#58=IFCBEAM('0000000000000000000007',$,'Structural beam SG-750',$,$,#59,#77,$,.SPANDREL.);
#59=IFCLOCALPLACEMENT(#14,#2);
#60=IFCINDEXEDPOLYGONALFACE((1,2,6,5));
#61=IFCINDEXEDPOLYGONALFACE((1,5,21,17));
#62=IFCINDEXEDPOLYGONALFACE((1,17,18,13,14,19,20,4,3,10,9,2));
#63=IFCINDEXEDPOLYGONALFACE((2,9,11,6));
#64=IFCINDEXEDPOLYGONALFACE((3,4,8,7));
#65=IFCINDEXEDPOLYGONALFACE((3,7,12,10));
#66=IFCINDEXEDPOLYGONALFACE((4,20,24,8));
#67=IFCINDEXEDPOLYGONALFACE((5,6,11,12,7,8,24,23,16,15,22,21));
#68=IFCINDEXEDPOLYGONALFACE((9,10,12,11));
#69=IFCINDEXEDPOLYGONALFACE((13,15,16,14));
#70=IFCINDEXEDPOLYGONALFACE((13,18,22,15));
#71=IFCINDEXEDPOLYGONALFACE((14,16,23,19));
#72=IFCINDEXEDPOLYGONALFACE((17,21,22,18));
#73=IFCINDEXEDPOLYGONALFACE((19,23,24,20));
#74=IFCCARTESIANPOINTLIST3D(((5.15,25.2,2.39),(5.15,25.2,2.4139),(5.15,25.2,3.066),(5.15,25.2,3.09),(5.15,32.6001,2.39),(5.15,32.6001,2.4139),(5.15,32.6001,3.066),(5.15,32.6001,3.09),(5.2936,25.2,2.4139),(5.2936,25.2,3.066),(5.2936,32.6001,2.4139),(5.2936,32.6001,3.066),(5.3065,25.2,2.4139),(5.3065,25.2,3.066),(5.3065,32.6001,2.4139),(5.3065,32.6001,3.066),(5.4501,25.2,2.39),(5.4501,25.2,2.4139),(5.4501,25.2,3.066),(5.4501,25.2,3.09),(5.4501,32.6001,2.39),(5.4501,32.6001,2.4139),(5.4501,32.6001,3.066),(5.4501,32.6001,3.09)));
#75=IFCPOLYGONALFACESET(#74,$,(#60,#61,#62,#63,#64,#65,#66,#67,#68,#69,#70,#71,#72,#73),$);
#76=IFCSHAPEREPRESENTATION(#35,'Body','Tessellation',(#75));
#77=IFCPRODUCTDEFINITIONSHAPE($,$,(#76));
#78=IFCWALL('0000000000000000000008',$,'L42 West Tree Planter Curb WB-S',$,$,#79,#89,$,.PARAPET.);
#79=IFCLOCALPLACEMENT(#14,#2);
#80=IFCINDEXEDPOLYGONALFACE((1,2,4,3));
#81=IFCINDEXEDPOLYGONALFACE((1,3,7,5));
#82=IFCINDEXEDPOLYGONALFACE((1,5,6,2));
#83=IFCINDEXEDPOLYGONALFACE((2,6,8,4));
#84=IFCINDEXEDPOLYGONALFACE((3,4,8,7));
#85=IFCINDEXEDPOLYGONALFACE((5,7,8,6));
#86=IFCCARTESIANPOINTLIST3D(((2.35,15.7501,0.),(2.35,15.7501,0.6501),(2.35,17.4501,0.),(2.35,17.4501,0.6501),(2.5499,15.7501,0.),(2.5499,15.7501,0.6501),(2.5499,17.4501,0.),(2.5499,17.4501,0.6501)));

########

Copy out only the lines of the records above from the one with "#59=IFCLOCALPLACEMENT(#14,#2);" through the one with "#68=IFCINDEXEDPOLYGONALFACE((9,10,12,11));", exactly as they stand, both included.

#59=IFCLOCALPLACEMENT(#14,#2);
#60=IFCINDEXEDPOLYGONALFACE((1,2,6,5));
#61=IFCINDEXEDPOLYGONALFACE((1,5,21,17));
#62=IFCINDEXEDPOLYGONALFACE((1,17,18,13,14,19,20,4,3,10,9,2));
#63=IFCINDEXEDPOLYGONALFACE((2,9,11,6));
#64=IFCINDEXEDPOLYGONALFACE((3,4,8,7));
#65=IFCINDEXEDPOLYGONALFACE((3,7,12,10));
#66=IFCINDEXEDPOLYGONALFACE((4,20,24,8));
#67=IFCINDEXEDPOLYGONALFACE((5,6,11,12,7,8,24,23,16,15,22,21));
#68=IFCINDEXEDPOLYGONALFACE((9,10,12,11));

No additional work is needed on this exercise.